_Collected data_:

*-*-*

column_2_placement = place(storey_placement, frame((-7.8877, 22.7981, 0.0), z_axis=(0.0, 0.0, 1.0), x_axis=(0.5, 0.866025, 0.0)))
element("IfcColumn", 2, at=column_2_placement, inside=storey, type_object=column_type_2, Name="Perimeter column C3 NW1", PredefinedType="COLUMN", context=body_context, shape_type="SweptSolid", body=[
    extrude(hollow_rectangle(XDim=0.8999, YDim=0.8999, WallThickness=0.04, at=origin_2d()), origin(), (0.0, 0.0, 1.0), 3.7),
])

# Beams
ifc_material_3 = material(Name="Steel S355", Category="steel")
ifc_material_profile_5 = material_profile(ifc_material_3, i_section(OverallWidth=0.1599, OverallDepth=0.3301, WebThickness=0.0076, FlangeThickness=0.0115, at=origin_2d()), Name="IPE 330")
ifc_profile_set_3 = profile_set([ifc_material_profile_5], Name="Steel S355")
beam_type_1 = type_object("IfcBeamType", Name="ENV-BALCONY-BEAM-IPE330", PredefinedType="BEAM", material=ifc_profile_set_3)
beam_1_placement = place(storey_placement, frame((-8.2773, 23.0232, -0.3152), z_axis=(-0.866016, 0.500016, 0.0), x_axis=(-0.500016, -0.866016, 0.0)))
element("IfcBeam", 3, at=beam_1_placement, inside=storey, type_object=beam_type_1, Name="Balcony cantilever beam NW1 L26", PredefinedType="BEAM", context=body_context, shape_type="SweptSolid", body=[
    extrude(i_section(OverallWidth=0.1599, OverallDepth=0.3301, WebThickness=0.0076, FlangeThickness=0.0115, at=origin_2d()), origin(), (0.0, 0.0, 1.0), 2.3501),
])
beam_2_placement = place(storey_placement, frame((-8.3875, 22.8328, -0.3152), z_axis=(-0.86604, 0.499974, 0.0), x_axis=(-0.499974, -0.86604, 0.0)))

*-*-*

_The problem_:
Which of the lines above hold the string "Name"? Copy each one.

_Answer below_:
element("IfcColumn", 2, at=column_2_placement, inside=storey, type_object=column_type_2, Name="Perimeter column C3 NW1", PredefinedType="COLUMN", context=body_context, shape_type="SweptSolid", body=[
ifc_material_3 = material(Name="Steel S355", Category="steel")
ifc_material_profile_5 = material_profile(ifc_material_3, i_section(OverallWidth=0.1599, OverallDepth=0.3301, WebThickness=0.0076, FlangeThickness=0.0115, at=origin_2d()), Name="IPE 330")
ifc_profile_set_3 = profile_set([ifc_material_profile_5], Name="Steel S355")
beam_type_1 = type_object("IfcBeamType", Name="ENV-BALCONY-BEAM-IPE330", PredefinedType="BEAM", material=ifc_profile_set_3)
element("IfcBeam", 3, at=beam_1_placement, inside=storey, type_object=beam_type_1, Name="Balcony cantilever beam NW1 L26", PredefinedType="BEAM", context=body_context, shape_type="SweptSolid", body=[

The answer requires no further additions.